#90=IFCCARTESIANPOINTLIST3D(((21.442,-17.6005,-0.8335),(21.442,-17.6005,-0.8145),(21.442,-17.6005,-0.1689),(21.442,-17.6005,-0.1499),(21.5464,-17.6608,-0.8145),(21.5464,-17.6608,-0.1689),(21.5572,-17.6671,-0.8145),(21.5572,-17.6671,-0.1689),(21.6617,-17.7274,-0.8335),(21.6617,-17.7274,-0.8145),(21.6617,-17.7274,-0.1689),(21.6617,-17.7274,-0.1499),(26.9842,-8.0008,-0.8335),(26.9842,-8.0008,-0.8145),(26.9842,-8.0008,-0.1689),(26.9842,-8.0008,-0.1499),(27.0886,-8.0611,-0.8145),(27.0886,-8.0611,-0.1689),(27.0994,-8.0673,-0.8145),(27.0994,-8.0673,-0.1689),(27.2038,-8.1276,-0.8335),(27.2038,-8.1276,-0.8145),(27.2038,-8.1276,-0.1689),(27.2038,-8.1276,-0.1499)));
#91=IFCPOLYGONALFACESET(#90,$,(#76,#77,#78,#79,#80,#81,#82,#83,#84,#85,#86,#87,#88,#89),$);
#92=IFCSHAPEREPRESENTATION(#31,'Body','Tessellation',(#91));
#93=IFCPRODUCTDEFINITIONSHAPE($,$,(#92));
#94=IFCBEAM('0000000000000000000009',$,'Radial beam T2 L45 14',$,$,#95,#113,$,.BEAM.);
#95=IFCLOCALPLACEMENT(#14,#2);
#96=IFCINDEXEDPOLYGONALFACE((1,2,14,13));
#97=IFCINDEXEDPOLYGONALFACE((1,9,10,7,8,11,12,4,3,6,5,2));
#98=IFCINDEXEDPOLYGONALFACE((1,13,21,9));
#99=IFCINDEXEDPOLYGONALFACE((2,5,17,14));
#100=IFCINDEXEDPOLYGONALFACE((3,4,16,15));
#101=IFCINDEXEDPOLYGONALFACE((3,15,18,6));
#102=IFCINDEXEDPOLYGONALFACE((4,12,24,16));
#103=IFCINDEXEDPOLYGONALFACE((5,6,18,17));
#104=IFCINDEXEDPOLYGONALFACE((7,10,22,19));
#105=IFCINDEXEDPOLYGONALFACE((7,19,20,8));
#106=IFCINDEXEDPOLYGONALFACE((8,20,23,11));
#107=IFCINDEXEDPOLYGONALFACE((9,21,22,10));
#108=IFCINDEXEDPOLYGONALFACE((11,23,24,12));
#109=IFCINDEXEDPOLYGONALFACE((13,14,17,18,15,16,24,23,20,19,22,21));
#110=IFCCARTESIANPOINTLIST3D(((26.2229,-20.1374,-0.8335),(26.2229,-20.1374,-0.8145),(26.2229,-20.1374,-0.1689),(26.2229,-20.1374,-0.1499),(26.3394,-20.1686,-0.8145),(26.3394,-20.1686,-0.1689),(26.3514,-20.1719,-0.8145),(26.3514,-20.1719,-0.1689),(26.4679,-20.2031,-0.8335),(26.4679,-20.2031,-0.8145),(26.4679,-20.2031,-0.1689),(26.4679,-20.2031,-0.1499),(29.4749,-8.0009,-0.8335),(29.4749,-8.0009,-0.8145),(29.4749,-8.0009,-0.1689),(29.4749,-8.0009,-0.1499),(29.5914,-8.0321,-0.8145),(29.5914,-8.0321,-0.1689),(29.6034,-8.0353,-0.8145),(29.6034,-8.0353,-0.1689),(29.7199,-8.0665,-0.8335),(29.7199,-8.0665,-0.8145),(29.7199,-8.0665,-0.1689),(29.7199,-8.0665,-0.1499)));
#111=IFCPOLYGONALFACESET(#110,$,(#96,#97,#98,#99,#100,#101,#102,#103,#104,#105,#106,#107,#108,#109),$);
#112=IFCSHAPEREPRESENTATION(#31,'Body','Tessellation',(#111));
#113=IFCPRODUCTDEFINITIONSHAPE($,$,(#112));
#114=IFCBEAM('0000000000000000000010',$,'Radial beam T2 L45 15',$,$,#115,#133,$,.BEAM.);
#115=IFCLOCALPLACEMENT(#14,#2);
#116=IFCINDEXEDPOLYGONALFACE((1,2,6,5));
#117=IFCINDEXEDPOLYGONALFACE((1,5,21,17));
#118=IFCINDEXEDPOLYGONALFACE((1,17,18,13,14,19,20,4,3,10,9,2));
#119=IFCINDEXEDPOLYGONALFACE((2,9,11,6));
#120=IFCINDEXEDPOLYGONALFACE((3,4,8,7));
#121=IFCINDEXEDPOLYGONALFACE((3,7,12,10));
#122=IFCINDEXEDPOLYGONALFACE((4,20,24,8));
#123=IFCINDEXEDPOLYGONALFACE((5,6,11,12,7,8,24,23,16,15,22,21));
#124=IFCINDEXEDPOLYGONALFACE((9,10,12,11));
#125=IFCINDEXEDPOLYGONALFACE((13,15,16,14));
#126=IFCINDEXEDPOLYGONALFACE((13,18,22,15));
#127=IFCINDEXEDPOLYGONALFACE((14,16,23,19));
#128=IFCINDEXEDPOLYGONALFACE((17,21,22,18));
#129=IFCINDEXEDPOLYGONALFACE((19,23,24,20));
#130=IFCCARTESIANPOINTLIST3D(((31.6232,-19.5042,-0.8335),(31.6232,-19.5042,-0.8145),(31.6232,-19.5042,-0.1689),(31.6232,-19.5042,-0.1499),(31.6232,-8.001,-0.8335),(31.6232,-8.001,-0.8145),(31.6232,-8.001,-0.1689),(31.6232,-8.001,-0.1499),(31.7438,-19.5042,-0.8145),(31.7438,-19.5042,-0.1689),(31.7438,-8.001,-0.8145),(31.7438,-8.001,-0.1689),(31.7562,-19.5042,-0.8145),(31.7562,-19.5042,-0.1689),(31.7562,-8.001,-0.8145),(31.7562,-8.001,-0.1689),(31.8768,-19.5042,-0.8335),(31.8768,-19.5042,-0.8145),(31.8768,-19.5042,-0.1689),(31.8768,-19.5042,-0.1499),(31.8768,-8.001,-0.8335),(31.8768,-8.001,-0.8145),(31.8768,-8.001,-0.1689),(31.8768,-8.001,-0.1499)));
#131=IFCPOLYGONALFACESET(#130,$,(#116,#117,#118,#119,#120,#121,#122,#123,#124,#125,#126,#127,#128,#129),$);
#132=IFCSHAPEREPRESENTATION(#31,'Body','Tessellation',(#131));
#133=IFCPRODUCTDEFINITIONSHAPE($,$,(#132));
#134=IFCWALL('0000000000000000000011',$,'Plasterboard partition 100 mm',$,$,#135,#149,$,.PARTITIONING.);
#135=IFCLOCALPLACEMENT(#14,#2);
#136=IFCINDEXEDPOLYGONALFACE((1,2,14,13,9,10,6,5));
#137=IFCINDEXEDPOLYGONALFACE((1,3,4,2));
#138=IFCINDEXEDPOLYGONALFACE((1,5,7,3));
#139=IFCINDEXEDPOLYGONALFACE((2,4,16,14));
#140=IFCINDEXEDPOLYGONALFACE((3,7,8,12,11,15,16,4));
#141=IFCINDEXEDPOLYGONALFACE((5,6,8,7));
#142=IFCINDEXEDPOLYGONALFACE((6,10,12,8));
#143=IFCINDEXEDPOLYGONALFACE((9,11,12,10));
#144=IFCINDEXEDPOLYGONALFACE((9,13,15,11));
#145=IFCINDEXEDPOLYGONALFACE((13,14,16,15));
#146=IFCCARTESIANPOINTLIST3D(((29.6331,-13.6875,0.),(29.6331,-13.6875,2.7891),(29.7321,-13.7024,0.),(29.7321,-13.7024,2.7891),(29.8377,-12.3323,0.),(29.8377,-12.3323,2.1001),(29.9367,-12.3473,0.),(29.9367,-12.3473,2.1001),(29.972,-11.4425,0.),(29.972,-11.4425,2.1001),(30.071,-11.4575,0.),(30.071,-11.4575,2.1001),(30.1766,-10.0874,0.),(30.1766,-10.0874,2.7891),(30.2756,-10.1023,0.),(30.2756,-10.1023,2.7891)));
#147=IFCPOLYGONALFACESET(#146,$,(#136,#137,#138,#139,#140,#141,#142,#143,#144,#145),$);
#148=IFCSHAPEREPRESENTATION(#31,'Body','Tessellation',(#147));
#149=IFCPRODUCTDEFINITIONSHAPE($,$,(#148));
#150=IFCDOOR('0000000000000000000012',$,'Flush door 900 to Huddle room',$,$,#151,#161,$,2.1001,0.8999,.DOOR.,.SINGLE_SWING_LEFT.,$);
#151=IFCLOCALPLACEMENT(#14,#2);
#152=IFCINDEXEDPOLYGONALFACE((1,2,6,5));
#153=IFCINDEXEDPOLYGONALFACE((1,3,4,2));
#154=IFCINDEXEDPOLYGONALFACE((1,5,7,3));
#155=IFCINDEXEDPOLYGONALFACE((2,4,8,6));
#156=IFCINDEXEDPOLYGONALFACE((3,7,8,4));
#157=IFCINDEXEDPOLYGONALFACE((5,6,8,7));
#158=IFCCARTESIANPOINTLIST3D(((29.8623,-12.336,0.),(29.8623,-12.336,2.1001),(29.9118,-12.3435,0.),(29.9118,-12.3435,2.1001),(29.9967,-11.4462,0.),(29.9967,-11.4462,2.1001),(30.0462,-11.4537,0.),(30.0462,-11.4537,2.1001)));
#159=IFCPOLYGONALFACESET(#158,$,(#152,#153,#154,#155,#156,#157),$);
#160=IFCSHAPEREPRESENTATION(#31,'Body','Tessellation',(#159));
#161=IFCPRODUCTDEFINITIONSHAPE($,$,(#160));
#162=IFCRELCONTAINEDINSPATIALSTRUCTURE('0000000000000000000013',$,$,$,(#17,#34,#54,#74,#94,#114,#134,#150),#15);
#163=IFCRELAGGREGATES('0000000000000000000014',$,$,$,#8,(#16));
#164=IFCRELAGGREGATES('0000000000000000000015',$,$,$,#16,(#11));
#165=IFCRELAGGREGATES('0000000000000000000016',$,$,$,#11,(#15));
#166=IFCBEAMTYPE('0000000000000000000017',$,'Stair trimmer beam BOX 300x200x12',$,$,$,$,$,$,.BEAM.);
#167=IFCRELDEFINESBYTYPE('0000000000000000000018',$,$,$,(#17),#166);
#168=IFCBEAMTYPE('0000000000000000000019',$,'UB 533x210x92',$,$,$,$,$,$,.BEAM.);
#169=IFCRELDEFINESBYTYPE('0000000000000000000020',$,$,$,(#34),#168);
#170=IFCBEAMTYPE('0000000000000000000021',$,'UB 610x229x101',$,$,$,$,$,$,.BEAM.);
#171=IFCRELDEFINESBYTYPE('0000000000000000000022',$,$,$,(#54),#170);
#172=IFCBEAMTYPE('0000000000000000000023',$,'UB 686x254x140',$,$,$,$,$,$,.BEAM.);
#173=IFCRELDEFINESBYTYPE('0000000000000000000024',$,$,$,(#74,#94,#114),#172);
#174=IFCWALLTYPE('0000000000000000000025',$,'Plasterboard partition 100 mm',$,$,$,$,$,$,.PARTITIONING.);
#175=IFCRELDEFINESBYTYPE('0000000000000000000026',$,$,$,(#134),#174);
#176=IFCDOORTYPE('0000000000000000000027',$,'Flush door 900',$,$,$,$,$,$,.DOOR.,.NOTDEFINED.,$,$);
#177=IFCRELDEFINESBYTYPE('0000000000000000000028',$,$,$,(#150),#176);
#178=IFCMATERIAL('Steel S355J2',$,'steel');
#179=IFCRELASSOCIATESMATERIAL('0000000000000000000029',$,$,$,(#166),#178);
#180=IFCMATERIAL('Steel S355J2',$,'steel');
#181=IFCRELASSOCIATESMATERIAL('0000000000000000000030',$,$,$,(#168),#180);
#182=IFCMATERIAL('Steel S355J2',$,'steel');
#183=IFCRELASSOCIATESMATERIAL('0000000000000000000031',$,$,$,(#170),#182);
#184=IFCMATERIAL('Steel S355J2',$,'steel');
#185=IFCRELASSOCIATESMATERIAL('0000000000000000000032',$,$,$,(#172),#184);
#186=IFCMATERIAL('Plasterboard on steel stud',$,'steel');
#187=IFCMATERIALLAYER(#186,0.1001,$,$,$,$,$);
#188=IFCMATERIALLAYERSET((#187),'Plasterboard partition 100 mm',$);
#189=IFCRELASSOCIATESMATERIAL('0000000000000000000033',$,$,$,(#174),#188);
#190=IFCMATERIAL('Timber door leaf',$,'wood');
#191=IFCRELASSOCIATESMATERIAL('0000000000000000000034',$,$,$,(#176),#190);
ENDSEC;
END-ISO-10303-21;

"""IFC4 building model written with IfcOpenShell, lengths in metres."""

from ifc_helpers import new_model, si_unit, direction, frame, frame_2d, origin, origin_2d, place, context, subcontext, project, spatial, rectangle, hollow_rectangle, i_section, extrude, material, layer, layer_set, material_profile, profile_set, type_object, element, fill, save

WHAT TO PRODUCE:
For the word "IFCBEAMTYPE", find all matching lines in the entries above and copy them out.

WRITTEN ANSWER:
#166=IFCBEAMTYPE('0000000000000000000017',$,'Stair trimmer beam BOX 300x200x12',$,$,$,$,$,$,.BEAM.);
#168=IFCBEAMTYPE('0000000000000000000019',$,'UB 533x210x92',$,$,$,$,$,$,.BEAM.);
#170=IFCBEAMTYPE('0000000000000000000021',$,'UB 610x229x101',$,$,$,$,$,$,.BEAM.);
#172=IFCBEAMTYPE('0000000000000000000023',$,'UB 686x254x140',$,$,$,$,$,$,.BEAM.);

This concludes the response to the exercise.